TASK TO CARRY OUT -> Every line below that contains the word "under" must be copied.

Collected data entries:
== Segment start ==

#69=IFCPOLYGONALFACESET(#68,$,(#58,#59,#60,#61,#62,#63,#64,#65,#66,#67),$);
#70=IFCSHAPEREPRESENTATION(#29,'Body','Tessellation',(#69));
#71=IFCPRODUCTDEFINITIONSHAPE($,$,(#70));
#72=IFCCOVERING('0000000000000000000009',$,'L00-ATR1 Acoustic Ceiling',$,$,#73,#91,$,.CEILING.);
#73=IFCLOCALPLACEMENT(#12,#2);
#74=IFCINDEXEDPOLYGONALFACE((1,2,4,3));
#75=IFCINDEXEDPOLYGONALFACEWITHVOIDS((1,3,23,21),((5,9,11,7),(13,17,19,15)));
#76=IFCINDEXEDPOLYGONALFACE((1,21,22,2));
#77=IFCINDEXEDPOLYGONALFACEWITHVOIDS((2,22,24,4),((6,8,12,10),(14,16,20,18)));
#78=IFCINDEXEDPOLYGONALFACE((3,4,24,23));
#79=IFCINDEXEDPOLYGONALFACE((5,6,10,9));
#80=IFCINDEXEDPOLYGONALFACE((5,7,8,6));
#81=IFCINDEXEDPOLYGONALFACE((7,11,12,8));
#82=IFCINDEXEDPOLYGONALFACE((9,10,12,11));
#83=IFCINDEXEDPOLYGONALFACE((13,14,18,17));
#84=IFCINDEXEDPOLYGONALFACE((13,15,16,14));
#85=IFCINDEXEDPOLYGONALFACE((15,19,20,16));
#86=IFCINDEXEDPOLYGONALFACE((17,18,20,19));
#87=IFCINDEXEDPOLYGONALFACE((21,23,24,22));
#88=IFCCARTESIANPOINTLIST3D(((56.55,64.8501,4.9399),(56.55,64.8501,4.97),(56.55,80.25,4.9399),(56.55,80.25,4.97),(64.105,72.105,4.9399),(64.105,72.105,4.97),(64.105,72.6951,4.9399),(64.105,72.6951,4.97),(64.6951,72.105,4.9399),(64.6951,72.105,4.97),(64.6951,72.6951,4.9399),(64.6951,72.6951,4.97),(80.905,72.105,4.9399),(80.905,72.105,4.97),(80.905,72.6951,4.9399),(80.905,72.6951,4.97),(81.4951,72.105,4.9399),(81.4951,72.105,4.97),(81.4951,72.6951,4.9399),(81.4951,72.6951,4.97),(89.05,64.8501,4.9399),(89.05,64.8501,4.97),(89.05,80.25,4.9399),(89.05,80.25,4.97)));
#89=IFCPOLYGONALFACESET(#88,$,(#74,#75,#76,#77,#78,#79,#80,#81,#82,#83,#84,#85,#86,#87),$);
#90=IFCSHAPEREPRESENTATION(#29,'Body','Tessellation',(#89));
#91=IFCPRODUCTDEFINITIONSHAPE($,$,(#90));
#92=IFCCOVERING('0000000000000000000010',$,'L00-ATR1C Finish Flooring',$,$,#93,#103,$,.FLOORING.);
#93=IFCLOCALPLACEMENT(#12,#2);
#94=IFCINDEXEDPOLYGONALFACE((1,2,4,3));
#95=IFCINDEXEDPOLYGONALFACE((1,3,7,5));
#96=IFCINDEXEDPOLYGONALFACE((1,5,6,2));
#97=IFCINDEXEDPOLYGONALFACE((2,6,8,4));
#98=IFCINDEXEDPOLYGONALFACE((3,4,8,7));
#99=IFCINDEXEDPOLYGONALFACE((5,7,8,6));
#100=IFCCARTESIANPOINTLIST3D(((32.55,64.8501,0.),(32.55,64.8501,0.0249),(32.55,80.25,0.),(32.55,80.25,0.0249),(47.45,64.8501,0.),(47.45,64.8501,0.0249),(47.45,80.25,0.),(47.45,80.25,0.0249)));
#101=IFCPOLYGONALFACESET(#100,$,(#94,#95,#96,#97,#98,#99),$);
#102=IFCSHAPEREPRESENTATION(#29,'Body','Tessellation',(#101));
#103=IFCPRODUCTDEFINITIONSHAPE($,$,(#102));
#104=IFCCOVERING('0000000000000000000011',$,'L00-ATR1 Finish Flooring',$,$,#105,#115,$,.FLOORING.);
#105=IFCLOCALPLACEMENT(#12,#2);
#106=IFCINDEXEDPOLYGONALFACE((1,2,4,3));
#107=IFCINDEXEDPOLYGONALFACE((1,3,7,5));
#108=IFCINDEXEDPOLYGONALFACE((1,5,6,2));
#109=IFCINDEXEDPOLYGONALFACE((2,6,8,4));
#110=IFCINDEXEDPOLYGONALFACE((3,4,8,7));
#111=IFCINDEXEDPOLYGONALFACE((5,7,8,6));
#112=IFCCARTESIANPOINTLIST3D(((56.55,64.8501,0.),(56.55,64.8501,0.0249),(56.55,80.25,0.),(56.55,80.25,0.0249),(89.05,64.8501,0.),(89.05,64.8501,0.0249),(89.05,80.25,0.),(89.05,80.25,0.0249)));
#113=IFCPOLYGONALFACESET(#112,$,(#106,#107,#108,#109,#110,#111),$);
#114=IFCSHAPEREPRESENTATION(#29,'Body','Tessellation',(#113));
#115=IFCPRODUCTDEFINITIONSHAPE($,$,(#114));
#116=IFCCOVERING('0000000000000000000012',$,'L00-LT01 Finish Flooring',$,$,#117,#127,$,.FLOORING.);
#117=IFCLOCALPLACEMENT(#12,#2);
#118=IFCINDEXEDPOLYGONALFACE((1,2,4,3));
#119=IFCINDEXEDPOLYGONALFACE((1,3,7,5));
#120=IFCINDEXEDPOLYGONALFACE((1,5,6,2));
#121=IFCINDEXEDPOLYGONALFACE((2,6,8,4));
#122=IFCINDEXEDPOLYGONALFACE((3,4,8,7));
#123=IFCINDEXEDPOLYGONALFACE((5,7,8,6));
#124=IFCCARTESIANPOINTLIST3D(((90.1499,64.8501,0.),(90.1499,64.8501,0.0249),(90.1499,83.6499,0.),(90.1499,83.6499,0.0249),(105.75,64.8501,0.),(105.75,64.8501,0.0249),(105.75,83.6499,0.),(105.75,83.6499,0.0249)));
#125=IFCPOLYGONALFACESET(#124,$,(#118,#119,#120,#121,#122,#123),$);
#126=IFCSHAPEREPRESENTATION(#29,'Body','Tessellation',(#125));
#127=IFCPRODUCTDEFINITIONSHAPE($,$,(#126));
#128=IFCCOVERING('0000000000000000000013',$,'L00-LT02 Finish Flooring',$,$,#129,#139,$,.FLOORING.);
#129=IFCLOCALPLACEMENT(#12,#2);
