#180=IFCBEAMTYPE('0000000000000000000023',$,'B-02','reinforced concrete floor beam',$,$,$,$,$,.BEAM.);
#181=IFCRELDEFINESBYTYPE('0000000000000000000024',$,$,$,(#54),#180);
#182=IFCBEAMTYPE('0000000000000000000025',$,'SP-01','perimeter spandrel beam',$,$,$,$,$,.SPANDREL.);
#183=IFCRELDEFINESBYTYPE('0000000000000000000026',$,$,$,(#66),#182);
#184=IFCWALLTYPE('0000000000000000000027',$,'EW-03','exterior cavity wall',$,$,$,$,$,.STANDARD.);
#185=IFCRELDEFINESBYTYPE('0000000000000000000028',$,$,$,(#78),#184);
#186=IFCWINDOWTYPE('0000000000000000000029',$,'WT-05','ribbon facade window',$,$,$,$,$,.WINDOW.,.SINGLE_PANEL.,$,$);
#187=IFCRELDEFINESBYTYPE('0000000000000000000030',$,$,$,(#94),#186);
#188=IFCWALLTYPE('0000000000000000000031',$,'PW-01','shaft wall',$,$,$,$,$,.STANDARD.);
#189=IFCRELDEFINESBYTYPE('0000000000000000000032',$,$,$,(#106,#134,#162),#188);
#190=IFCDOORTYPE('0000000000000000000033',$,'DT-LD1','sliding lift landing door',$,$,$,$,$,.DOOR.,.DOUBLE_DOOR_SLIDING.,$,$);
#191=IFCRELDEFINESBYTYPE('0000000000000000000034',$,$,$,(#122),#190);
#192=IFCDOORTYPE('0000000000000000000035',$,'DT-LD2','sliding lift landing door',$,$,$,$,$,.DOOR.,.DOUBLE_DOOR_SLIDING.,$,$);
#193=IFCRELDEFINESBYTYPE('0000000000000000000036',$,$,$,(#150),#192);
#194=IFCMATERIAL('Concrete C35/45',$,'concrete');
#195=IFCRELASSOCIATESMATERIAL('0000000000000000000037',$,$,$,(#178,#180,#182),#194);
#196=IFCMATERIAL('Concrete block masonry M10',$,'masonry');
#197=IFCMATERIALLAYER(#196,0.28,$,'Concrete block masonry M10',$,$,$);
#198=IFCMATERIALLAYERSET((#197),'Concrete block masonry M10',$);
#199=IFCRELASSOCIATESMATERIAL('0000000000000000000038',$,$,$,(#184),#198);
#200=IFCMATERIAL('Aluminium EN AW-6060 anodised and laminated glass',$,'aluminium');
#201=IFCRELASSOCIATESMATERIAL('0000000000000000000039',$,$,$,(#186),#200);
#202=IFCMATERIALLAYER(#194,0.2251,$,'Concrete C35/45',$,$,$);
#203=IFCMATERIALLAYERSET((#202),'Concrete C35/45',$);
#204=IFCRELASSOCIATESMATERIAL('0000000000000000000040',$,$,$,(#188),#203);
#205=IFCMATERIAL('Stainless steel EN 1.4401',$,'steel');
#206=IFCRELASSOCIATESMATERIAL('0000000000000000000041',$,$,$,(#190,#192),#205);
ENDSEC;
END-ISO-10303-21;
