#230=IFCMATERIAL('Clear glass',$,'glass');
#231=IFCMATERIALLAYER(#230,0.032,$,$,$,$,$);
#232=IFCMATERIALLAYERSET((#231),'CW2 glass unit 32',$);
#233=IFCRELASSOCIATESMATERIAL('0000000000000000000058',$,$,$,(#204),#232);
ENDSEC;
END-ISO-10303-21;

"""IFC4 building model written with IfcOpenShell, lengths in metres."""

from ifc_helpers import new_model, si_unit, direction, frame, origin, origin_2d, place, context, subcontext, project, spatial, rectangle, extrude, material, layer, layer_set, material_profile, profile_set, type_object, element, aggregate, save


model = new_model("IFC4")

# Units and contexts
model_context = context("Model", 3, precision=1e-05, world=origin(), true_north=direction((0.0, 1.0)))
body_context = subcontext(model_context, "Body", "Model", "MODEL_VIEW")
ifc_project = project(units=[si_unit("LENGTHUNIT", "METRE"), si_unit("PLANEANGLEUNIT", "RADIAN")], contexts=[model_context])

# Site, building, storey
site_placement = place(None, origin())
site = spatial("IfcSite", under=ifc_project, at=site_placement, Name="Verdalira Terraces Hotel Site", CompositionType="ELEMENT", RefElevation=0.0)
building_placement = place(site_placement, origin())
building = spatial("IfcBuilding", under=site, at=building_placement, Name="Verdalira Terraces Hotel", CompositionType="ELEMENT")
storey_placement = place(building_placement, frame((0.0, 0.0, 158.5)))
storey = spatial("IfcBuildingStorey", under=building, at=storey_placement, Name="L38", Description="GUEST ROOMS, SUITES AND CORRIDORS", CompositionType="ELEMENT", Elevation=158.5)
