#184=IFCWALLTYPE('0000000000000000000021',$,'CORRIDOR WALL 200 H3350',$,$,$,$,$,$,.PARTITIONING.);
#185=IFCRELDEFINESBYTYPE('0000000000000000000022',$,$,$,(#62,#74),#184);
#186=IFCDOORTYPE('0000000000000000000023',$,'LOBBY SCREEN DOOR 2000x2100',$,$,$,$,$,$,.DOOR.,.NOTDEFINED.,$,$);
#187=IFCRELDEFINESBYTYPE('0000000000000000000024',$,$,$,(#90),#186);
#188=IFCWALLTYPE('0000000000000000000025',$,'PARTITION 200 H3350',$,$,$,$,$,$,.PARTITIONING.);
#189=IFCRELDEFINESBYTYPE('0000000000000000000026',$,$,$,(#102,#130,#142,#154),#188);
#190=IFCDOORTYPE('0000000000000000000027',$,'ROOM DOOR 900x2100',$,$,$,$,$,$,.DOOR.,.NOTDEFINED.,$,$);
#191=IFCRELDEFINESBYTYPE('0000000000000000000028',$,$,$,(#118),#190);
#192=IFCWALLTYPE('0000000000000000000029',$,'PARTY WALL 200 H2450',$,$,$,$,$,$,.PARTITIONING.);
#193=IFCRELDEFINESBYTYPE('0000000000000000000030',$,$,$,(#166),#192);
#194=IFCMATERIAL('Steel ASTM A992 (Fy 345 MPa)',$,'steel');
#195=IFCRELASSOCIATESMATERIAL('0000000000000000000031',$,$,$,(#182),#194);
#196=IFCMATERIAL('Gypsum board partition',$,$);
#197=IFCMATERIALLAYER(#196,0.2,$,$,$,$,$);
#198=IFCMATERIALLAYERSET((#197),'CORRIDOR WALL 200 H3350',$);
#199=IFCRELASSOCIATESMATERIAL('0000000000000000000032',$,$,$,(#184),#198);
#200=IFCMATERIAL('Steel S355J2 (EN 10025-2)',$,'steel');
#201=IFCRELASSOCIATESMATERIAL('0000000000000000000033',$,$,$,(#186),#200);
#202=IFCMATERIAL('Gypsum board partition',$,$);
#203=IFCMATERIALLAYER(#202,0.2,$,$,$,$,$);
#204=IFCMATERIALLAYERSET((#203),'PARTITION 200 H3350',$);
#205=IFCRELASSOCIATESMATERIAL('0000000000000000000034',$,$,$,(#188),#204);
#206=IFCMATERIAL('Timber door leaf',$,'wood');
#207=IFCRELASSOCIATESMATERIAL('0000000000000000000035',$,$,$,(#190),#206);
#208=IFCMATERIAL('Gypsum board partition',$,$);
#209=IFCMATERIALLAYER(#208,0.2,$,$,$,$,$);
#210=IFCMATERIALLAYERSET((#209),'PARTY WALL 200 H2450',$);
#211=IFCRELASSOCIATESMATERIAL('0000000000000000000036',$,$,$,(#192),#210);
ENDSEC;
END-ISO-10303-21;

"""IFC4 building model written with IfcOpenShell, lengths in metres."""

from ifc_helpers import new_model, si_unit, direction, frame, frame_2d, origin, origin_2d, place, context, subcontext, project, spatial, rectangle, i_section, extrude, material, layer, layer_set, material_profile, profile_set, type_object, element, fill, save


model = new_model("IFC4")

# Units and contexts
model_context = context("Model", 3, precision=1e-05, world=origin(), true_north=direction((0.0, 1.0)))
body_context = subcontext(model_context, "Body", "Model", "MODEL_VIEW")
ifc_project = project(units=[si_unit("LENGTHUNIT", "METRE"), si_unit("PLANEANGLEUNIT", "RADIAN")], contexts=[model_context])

== Segment end ==

EXERCISE ANSWER ->
site = spatial("IfcSite", under=ifc_project, at=site_placement, Name="Verdalira Terraces Hotel Site", CompositionType="ELEMENT", RefElevation=0.0)
building = spatial("IfcBuilding", under=site, at=building_placement, Name="Verdalira Terraces Hotel", CompositionType="ELEMENT")
storey = spatial("IfcBuildingStorey", under=building, at=storey_placement, Name="L38", Description="GUEST ROOMS, SUITES AND CORRIDORS", CompositionType="ELEMENT", Elevation=158.5)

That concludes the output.